DATA FOR REVIEW:
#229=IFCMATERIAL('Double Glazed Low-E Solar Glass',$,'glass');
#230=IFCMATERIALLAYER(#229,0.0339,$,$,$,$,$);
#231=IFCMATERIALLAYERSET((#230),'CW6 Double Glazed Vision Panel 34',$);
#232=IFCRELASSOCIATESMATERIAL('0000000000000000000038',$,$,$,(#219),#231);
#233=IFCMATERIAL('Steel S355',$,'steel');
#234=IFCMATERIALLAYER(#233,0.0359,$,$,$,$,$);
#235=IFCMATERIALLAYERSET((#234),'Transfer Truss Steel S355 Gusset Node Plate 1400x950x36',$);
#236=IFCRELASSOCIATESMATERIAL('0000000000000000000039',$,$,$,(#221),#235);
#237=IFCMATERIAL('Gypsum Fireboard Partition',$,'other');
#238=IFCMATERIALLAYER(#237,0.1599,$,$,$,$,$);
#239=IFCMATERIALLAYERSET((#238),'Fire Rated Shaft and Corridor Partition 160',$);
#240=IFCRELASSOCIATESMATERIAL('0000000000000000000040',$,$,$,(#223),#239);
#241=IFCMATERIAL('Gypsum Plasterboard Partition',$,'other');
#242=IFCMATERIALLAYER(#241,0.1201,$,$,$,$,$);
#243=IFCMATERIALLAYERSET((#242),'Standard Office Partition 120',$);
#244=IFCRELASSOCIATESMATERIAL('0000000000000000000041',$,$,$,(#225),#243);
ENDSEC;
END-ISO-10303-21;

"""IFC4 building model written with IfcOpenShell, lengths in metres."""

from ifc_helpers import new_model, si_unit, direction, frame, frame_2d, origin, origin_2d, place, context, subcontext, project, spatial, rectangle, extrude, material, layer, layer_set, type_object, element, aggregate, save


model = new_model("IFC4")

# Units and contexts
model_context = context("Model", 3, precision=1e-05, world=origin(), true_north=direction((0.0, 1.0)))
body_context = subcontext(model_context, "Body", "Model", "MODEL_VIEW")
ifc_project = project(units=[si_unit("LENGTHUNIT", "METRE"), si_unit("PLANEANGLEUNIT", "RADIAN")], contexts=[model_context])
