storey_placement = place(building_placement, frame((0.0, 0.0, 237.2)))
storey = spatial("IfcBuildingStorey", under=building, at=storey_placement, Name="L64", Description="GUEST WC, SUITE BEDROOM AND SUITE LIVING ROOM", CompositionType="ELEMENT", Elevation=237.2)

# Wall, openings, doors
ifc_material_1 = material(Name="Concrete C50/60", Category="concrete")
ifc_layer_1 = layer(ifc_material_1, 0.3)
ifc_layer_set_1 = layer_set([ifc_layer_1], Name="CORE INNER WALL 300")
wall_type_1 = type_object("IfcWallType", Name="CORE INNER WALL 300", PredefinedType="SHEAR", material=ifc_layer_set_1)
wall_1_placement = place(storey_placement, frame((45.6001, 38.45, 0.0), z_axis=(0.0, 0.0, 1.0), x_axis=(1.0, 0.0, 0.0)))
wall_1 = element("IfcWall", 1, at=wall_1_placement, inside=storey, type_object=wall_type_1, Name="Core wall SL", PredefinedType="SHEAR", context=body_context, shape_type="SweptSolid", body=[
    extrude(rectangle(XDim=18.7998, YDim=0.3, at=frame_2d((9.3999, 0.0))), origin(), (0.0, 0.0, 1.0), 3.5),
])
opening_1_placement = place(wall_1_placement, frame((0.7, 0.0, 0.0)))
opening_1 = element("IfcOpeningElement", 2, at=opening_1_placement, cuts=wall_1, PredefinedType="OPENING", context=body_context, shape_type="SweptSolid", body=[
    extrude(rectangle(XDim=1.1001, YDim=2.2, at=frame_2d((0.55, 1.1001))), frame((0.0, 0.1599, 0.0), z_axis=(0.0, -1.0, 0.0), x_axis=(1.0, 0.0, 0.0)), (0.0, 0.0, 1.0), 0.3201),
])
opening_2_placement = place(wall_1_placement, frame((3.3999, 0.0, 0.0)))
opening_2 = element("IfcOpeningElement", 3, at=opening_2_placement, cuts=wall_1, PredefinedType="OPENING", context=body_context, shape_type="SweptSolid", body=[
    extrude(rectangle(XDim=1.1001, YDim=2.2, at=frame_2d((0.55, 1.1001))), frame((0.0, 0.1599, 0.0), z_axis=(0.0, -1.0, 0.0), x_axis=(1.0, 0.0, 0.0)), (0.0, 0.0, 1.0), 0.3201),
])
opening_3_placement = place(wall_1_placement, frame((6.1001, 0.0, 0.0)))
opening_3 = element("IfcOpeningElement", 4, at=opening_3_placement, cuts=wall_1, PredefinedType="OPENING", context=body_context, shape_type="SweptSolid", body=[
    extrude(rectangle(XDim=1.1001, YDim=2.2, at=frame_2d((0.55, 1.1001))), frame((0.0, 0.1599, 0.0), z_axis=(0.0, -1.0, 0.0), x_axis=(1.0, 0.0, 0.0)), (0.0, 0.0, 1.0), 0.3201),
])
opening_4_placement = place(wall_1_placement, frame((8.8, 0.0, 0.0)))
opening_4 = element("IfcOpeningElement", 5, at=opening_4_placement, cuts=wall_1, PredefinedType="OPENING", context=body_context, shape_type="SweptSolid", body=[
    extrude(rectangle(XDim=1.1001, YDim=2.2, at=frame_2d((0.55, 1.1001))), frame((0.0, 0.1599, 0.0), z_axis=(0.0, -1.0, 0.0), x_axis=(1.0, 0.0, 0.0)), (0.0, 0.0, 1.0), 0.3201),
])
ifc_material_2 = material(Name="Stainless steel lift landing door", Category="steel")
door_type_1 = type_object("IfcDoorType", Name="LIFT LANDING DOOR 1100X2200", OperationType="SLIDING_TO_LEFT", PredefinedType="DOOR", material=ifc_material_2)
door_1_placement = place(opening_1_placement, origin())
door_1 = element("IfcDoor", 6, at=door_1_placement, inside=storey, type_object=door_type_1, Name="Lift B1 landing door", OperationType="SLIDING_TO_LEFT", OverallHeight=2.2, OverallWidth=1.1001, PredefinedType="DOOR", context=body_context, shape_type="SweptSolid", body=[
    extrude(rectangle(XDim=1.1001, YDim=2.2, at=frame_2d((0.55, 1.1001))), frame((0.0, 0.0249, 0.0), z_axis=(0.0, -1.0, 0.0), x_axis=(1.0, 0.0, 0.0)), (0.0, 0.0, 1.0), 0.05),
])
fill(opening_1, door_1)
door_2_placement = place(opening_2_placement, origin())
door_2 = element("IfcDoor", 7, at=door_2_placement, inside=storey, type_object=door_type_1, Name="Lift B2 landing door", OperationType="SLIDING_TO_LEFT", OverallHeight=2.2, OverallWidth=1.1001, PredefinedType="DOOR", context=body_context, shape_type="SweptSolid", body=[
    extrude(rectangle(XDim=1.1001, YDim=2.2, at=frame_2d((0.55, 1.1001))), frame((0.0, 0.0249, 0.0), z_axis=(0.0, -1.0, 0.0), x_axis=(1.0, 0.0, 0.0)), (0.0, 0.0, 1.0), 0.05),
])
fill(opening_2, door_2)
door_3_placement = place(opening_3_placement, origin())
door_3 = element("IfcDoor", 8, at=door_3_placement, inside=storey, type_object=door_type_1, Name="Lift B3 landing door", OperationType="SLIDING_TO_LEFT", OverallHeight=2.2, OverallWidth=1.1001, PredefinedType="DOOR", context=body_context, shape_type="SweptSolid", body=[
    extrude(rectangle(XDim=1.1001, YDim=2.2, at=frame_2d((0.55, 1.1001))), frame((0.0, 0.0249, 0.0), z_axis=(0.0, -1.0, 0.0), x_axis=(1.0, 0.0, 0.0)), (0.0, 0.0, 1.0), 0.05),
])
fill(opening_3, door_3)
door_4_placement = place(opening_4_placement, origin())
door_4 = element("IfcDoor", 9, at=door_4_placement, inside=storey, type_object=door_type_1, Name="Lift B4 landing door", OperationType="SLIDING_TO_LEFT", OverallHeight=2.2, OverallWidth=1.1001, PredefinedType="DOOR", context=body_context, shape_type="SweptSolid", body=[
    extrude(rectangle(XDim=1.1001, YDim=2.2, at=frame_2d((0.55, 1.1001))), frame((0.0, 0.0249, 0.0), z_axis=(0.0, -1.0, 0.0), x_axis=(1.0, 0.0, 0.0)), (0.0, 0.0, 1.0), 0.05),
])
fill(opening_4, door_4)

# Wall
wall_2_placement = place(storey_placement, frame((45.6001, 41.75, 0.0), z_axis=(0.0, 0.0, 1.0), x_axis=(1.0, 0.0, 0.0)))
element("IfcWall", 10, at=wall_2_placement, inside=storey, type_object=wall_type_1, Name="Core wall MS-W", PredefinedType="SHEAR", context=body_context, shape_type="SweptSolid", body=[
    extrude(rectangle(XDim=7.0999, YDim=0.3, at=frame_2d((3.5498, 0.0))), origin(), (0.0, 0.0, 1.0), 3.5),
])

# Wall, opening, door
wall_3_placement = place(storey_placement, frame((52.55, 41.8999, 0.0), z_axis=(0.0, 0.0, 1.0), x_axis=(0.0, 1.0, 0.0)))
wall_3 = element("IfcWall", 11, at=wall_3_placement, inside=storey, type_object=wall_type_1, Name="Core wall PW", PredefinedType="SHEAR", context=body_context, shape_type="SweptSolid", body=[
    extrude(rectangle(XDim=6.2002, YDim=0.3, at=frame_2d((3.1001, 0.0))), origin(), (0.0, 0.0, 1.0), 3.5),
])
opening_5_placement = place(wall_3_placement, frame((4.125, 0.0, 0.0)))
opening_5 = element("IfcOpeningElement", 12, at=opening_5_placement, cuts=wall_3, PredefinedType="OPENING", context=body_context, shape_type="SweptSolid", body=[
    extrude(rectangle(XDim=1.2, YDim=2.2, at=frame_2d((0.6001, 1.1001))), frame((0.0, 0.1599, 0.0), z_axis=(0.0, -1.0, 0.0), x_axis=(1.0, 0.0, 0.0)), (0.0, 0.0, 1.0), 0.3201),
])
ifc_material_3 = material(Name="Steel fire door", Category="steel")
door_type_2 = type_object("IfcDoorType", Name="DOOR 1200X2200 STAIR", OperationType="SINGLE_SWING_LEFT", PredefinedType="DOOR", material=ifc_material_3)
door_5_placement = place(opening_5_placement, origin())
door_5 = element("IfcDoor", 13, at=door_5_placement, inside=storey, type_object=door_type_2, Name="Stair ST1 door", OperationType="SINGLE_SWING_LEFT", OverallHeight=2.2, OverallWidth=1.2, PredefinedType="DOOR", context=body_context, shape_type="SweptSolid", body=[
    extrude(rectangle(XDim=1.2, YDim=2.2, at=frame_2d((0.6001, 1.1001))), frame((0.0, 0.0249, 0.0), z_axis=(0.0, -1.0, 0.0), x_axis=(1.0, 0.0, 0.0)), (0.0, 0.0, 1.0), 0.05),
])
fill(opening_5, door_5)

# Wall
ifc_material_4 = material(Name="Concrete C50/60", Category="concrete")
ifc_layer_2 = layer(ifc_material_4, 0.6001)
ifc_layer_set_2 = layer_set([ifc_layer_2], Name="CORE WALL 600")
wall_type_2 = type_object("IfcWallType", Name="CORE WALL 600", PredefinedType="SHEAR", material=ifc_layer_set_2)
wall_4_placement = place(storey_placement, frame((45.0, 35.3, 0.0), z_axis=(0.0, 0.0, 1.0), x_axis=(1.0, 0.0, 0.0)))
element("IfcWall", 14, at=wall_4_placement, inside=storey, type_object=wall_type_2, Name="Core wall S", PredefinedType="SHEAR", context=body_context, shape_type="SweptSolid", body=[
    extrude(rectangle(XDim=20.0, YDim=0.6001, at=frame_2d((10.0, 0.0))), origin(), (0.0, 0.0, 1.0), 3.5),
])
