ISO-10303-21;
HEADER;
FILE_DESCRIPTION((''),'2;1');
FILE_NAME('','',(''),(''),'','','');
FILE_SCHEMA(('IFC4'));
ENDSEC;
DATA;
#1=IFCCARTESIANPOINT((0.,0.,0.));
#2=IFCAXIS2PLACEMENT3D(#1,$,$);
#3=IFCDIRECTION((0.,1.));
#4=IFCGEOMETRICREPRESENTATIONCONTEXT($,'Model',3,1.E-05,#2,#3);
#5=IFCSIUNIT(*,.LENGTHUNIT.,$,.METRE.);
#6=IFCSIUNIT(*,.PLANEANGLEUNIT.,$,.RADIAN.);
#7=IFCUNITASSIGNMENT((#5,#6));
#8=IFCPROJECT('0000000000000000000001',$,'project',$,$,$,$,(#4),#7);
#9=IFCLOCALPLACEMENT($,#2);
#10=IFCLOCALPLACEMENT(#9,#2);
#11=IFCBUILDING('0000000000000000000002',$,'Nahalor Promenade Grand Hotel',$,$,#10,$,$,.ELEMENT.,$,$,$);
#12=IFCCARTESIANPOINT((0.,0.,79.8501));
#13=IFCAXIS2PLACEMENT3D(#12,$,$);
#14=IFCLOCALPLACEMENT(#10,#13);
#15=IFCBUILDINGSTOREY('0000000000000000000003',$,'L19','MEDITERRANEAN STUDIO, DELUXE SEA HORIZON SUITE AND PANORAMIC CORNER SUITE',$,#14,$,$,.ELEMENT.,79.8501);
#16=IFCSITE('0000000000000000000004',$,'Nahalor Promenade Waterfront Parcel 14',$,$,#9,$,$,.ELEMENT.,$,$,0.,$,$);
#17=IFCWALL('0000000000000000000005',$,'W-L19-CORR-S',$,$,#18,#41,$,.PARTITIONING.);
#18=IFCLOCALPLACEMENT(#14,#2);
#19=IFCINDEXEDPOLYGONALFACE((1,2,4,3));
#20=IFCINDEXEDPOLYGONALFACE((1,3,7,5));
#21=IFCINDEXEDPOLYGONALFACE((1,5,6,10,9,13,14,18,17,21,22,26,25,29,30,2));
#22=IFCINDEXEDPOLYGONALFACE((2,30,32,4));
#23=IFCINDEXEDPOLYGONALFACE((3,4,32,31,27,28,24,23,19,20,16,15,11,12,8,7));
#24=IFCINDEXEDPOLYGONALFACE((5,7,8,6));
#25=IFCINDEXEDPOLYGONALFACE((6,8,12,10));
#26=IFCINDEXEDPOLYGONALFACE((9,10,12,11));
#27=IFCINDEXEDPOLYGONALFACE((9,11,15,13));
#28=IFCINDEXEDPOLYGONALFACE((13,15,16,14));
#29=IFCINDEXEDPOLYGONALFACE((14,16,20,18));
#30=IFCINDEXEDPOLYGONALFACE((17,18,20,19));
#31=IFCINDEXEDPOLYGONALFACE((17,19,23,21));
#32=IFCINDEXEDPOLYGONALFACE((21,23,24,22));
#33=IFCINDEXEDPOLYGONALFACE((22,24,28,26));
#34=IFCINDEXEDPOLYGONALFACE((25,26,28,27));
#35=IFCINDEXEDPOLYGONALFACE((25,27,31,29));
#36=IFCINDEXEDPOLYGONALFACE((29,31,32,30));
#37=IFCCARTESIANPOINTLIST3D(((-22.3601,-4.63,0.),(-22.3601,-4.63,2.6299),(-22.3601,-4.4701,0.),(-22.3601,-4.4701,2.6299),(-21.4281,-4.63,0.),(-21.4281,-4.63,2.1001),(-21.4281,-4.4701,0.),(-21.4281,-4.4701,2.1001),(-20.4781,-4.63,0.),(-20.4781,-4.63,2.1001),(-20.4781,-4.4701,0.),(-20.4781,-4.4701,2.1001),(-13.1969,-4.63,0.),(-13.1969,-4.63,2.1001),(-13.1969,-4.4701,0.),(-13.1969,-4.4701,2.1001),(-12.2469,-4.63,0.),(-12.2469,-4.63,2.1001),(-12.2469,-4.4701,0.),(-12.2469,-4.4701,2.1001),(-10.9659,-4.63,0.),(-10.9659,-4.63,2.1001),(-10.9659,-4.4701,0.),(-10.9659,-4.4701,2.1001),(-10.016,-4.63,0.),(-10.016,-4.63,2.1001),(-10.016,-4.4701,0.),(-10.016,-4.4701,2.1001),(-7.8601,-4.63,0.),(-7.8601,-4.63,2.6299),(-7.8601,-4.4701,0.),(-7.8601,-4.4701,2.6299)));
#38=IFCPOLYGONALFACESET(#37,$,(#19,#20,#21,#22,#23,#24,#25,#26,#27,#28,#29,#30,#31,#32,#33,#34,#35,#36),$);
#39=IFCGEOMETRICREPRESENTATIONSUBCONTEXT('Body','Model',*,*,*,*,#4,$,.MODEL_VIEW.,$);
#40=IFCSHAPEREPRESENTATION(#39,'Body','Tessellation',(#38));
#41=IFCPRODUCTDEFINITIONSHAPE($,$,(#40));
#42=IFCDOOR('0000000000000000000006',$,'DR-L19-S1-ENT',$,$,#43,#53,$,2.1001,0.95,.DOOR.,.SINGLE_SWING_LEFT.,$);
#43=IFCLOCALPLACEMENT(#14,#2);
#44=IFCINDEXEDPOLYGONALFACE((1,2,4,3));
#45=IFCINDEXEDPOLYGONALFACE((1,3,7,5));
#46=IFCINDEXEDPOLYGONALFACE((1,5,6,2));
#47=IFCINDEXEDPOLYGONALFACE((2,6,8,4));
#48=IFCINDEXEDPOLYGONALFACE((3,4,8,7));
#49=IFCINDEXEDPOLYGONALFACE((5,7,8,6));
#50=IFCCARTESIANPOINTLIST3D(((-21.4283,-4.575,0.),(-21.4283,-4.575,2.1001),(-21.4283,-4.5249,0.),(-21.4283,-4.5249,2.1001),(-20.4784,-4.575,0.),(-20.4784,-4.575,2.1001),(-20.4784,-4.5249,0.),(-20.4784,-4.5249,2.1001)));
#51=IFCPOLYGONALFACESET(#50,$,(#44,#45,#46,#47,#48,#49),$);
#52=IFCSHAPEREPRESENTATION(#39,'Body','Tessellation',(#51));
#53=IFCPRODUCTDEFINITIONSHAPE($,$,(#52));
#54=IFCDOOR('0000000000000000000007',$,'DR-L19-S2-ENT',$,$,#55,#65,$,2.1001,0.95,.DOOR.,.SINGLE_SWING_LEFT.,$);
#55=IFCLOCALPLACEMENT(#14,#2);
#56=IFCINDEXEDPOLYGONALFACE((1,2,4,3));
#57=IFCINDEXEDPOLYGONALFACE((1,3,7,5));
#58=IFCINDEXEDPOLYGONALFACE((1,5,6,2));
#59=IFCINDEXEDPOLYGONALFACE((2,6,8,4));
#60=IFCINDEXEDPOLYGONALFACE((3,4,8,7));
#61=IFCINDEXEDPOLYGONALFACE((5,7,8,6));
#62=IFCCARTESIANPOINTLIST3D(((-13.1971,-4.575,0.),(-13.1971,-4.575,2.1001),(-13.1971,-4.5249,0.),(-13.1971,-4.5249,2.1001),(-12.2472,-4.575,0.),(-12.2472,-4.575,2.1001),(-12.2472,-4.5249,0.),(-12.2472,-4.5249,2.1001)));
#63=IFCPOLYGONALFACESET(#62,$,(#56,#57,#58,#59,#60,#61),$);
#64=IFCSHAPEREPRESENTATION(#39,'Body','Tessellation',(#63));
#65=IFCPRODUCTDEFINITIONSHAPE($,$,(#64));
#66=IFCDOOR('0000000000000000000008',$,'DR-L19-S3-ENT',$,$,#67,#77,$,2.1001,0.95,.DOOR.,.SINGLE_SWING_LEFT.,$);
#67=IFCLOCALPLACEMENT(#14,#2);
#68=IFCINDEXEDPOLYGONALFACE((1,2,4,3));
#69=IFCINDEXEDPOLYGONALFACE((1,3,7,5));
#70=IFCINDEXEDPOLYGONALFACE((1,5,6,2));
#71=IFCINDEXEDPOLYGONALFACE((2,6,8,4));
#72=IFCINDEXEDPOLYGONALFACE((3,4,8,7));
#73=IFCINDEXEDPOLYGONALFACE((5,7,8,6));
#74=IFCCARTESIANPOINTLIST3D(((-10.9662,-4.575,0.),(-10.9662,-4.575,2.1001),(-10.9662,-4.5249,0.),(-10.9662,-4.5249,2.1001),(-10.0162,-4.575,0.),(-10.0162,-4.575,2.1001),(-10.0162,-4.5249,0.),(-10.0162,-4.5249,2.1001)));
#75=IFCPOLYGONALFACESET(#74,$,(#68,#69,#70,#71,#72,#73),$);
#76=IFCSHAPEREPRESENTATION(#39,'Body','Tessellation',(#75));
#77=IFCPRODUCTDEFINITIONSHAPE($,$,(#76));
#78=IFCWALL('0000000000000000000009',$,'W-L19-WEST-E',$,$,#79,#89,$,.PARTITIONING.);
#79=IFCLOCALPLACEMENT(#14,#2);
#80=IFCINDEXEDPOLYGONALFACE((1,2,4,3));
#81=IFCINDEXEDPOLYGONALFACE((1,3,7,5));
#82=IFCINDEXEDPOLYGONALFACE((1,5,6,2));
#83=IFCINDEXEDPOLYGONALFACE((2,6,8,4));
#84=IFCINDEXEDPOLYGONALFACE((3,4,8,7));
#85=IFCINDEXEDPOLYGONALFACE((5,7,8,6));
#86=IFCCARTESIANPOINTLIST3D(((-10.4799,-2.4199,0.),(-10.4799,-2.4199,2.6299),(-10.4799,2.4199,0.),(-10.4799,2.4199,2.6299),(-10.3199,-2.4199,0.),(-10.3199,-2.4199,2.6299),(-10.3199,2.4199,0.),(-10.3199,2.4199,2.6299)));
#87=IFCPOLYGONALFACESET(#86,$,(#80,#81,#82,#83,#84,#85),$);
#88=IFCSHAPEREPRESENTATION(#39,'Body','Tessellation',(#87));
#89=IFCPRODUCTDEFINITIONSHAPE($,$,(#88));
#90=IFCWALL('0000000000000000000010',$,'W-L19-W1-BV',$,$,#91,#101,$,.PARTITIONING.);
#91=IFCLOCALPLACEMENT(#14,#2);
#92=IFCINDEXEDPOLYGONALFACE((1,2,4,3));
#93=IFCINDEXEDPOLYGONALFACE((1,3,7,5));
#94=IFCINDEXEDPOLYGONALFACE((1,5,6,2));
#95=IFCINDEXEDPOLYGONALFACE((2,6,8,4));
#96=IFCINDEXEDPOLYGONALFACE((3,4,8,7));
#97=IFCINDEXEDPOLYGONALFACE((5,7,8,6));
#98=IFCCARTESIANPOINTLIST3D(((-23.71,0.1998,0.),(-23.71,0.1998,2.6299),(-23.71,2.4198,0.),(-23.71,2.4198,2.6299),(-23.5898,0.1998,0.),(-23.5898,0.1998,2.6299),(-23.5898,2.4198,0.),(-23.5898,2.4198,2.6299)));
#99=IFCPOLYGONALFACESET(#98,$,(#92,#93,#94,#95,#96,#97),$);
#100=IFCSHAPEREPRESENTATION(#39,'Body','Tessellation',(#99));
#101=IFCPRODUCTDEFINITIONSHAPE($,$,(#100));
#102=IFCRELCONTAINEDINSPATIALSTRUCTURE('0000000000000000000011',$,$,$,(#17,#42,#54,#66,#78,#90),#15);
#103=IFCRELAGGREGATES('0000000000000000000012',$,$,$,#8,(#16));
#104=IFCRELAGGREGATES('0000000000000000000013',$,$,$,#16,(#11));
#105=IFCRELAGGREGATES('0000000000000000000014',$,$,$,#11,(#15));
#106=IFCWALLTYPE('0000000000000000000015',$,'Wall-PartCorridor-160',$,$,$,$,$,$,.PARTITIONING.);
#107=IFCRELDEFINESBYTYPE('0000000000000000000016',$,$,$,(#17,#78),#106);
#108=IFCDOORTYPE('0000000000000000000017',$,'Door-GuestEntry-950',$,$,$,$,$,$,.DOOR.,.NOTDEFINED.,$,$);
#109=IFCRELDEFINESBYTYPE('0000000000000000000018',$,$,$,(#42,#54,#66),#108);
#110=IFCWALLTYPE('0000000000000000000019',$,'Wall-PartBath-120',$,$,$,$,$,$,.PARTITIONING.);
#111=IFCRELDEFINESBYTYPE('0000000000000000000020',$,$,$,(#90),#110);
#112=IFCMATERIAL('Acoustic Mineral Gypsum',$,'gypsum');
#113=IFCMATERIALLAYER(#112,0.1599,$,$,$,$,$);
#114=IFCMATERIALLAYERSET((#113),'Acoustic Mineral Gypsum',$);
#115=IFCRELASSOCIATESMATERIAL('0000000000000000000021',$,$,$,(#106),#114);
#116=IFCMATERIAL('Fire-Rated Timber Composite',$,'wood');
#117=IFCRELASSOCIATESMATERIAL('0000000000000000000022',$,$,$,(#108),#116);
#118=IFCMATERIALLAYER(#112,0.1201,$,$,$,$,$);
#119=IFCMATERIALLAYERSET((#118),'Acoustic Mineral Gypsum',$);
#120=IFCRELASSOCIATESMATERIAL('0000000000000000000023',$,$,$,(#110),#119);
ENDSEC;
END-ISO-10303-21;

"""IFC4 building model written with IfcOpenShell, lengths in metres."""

from ifc_helpers import new_model, si_unit, direction, frame, frame_2d, origin, place, context, subcontext, project, spatial, rectangle, extrude, source, transform, mapped, material, layer, layer_set, type_object, element, fill, save


model = new_model("IFC4")

# Units and contexts
model_context = context("Model", 3, precision=1e-05, world=origin(), true_north=direction((0.0, 1.0)))
body_context = subcontext(model_context, "Body", "Model", "MODEL_VIEW")
ifc_project = project(units=[si_unit("LENGTHUNIT", "METRE"), si_unit("PLANEANGLEUNIT", "RADIAN")], contexts=[model_context])

# Site, building, storey
site_placement = place(None, origin())
site = spatial("IfcSite", under=ifc_project, at=site_placement, Name="Nahalor Promenade Waterfront Parcel 14", CompositionType="ELEMENT", RefElevation=0.0)
building_placement = place(site_placement, origin())
building = spatial("IfcBuilding", under=site, at=building_placement, Name="Nahalor Promenade Grand Hotel", CompositionType="ELEMENT")
storey_placement = place(building_placement, frame((0.0, 0.0, 79.8501)))
storey = spatial("IfcBuildingStorey", under=building, at=storey_placement, Name="L19", Description="MEDITERRANEAN STUDIO, DELUXE SEA HORIZON SUITE AND PANORAMIC CORNER SUITE", CompositionType="ELEMENT", Elevation=79.8501)

# Shared definitions
ifc_material_1 = material(Name="Acoustic Mineral Gypsum", Category="gypsum")
ifc_layer_1 = layer(ifc_material_1, 0.1599)
ifc_layer_set_1 = layer_set([ifc_layer_1], Name="Acoustic Mineral Gypsum")
wall_type_1 = type_object("IfcWallType", Name="Wall-PartCorridor-160", PredefinedType="PARTITIONING", material=ifc_layer_set_1)
ifc_material_2 = material(Name="Fire-Rated Timber Composite", Category="wood")

# Wall, openings, doors
shared_shape_1 = source(origin(), body_context, "Body", "SweptSolid", [
    extrude(rectangle(XDim=14.5, YDim=0.1599, at=frame_2d((7.25, 0.0))), origin(), (0.0, 0.0, 1.0), 2.6299),
])
wall_1_placement = place(storey_placement, frame((-22.3601, -4.55, 0.0), z_axis=(0.0, 0.0, 1.0), x_axis=(1.0, 0.0, 0.0)))
wall_1 = element("IfcWall", 1, at=wall_1_placement, inside=storey, type_object=wall_type_1, Name="W-L19-CORR-S", PredefinedType="PARTITIONING", context=body_context, shape_type="MappedRepresentation", body=[
    mapped(shared_shape_1, transform((0.0, 0.0, 0.0), scale=1.0)),
])
opening_1_placement = place(wall_1_placement, frame((0.9319, 0.0, 0.0)))
opening_1 = element("IfcOpeningElement", 2, at=opening_1_placement, cuts=wall_1, PredefinedType="OPENING", context=body_context, shape_type="SweptSolid", body=[
    extrude(rectangle(XDim=0.95, YDim=2.1001, at=frame_2d((0.4751, 1.05))), frame((0.0, 0.0898, 0.0), z_axis=(0.0, -1.0, 0.0), x_axis=(1.0, 0.0, 0.0)), (0.0, 0.0, 1.0), 0.1799),
])
opening_2_placement = place(wall_1_placement, frame((9.1631, 0.0, 0.0)))
opening_2 = element("IfcOpeningElement", 3, at=opening_2_placement, cuts=wall_1, PredefinedType="OPENING", context=body_context, shape_type="SweptSolid", body=[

REQUIRED WORK:
Please output the exact lines of the records above, beginning with the first and stopping after the line that holds "#233=IFCMATERIAL('Steel S355',$,'steel');", and nothing else.

SOLUTION FOR THIS EXERCISE:
#229=IFCMATERIAL('Double Glazed Low-E Solar Glass',$,'glass');
#230=IFCMATERIALLAYER(#229,0.0339,$,$,$,$,$);
#231=IFCMATERIALLAYERSET((#230),'CW6 Double Glazed Vision Panel 34',$);
#232=IFCRELASSOCIATESMATERIAL('0000000000000000000038',$,$,$,(#219),#231);
#233=IFCMATERIAL('Steel S355',$,'steel');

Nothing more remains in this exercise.